▶ [What this task involves]:
Produce as output only the lines below starting at the line with "#168=IFCINDEXEDPOLYGONALFACE((1,5,6,2));" and continuing through the line with "#171=IFCINDEXEDPOLYGONALFACE((5,7,8,6));", each one exactly as written.

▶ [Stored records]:
....

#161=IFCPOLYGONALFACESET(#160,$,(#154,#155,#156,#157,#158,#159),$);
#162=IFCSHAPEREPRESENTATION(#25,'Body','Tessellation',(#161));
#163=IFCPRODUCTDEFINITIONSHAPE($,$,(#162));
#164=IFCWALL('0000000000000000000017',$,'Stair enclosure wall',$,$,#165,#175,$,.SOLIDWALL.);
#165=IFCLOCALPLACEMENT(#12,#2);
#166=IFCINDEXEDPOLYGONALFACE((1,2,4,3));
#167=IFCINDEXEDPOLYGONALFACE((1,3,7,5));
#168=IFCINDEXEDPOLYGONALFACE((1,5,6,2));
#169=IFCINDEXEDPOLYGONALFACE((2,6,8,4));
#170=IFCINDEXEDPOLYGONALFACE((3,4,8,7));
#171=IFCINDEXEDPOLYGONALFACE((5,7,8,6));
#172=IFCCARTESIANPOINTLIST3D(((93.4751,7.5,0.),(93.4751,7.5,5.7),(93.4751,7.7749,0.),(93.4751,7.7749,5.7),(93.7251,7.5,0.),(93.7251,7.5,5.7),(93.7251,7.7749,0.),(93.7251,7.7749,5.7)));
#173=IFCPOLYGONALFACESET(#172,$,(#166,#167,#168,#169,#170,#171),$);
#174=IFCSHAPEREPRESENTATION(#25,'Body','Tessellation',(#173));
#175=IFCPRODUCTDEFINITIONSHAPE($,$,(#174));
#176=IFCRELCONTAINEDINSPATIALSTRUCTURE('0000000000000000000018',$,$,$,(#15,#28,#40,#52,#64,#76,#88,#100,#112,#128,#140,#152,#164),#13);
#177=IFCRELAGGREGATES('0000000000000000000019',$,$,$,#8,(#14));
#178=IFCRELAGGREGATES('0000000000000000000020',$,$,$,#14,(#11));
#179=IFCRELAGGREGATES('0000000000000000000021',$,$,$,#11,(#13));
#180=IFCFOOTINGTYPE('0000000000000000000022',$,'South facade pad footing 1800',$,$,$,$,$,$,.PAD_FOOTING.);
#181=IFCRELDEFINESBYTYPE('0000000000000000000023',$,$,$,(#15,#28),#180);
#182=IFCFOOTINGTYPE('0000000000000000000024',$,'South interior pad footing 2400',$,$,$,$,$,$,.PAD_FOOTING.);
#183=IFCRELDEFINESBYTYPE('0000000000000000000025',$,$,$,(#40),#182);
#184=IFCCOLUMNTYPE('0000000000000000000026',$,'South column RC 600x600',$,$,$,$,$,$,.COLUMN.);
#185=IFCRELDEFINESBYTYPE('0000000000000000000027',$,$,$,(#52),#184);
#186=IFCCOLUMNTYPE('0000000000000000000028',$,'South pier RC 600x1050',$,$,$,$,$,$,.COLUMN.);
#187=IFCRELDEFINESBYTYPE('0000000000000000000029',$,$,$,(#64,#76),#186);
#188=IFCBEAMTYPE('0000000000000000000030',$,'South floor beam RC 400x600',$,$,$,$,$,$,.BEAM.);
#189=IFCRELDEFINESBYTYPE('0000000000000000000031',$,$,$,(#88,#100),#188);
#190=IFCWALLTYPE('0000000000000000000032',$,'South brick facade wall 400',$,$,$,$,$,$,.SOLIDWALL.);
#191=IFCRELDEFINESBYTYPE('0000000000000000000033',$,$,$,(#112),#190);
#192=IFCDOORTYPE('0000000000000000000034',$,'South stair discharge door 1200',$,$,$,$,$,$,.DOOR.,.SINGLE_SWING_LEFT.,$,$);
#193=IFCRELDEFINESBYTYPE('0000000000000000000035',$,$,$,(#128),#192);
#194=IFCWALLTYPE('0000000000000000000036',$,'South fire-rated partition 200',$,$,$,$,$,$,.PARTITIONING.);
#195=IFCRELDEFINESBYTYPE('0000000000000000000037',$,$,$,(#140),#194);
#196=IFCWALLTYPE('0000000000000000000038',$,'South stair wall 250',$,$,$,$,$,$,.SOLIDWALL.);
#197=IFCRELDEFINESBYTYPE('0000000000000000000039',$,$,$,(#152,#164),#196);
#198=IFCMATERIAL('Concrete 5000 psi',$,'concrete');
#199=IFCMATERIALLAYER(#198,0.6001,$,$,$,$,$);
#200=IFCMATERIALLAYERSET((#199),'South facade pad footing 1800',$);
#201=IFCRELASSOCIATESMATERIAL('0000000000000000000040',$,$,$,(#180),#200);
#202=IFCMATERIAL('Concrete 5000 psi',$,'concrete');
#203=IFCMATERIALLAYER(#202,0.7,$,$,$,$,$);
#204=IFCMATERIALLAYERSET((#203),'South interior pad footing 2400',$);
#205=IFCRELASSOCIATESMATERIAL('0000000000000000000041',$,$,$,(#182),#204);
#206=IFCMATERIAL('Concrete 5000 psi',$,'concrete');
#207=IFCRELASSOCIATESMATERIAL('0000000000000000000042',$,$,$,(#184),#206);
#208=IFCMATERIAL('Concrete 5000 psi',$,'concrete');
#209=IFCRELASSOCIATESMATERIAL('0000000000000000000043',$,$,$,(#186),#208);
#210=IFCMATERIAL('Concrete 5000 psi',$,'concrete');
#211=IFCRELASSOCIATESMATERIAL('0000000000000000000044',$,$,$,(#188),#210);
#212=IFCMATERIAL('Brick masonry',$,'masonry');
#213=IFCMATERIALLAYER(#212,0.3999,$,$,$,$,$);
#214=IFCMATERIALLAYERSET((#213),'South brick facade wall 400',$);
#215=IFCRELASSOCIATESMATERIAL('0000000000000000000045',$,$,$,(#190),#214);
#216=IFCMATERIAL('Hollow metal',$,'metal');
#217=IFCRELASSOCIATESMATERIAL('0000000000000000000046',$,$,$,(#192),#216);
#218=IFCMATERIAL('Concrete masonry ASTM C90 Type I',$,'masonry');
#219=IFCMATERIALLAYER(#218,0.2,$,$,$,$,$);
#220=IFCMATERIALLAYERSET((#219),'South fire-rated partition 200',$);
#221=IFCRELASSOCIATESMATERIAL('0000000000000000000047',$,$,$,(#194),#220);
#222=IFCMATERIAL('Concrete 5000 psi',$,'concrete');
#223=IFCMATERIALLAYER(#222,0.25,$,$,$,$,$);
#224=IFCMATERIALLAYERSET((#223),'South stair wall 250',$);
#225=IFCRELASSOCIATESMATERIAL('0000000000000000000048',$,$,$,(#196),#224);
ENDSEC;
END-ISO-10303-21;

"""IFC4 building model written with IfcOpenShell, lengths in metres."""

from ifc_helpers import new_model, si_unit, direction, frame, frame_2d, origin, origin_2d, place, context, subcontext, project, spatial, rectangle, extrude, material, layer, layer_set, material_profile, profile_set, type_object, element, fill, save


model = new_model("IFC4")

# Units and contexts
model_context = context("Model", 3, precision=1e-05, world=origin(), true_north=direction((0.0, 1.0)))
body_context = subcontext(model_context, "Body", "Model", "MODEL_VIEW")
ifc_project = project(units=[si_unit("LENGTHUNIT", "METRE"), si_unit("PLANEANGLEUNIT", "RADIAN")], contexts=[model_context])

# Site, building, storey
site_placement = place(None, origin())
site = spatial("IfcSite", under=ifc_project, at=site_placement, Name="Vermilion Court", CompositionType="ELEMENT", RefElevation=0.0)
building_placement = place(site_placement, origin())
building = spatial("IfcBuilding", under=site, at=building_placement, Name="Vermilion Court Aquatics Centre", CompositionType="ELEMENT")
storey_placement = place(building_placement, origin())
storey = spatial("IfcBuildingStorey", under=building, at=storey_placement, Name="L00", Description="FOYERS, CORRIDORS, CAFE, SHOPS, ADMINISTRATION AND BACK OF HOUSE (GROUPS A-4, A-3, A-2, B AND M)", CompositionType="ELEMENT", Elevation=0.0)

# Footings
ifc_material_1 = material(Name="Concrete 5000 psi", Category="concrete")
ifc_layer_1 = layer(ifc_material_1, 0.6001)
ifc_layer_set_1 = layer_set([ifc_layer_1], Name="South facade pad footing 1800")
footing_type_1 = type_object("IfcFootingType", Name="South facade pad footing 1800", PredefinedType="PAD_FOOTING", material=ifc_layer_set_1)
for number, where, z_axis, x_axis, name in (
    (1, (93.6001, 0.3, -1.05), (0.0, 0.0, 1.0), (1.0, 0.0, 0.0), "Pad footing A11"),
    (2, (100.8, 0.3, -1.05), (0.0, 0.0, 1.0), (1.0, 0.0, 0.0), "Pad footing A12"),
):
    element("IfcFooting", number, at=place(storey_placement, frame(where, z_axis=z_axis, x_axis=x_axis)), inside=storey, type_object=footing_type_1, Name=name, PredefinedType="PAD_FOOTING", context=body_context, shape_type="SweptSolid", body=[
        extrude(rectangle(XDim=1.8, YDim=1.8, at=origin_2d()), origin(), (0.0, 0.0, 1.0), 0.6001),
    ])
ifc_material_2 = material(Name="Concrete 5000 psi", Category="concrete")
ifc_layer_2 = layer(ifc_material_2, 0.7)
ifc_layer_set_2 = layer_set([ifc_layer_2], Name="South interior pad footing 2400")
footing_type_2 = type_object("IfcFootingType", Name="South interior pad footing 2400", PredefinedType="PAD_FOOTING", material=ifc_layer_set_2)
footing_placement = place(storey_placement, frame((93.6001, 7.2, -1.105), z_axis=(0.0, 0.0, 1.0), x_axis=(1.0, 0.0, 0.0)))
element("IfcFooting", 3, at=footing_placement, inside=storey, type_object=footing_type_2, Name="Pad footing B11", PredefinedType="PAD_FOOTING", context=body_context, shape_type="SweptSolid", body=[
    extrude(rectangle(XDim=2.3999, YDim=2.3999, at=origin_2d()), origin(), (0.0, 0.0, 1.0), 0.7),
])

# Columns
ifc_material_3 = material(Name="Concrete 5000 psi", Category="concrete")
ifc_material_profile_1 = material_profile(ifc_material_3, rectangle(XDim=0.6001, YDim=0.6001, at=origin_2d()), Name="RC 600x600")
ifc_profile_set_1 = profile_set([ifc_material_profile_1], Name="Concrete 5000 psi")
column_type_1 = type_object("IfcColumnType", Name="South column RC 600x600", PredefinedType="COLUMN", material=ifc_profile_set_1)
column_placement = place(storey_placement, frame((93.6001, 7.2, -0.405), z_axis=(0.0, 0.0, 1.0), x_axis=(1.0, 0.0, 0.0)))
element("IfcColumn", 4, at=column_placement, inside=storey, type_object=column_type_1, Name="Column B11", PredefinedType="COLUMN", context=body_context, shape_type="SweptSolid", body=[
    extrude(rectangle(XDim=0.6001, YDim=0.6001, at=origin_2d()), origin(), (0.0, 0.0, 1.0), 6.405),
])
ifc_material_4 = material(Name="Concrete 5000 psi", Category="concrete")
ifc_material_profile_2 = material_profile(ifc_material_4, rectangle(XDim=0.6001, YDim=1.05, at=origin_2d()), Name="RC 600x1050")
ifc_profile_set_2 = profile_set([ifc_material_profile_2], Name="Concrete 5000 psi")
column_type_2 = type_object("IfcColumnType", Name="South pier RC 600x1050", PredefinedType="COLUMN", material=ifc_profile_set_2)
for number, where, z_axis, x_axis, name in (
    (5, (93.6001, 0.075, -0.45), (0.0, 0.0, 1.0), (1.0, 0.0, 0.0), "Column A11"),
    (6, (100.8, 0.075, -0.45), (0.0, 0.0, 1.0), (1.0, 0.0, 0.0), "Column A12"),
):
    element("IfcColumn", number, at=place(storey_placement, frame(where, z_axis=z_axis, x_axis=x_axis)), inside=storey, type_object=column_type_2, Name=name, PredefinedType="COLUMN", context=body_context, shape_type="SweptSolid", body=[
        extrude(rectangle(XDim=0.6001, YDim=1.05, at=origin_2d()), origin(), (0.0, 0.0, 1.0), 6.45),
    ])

....

▶ [Response area]:
#168=IFCINDEXEDPOLYGONALFACE((1,5,6,2));
#169=IFCINDEXEDPOLYGONALFACE((2,6,8,4));
#170=IFCINDEXEDPOLYGONALFACE((3,4,8,7));
#171=IFCINDEXEDPOLYGONALFACE((5,7,8,6));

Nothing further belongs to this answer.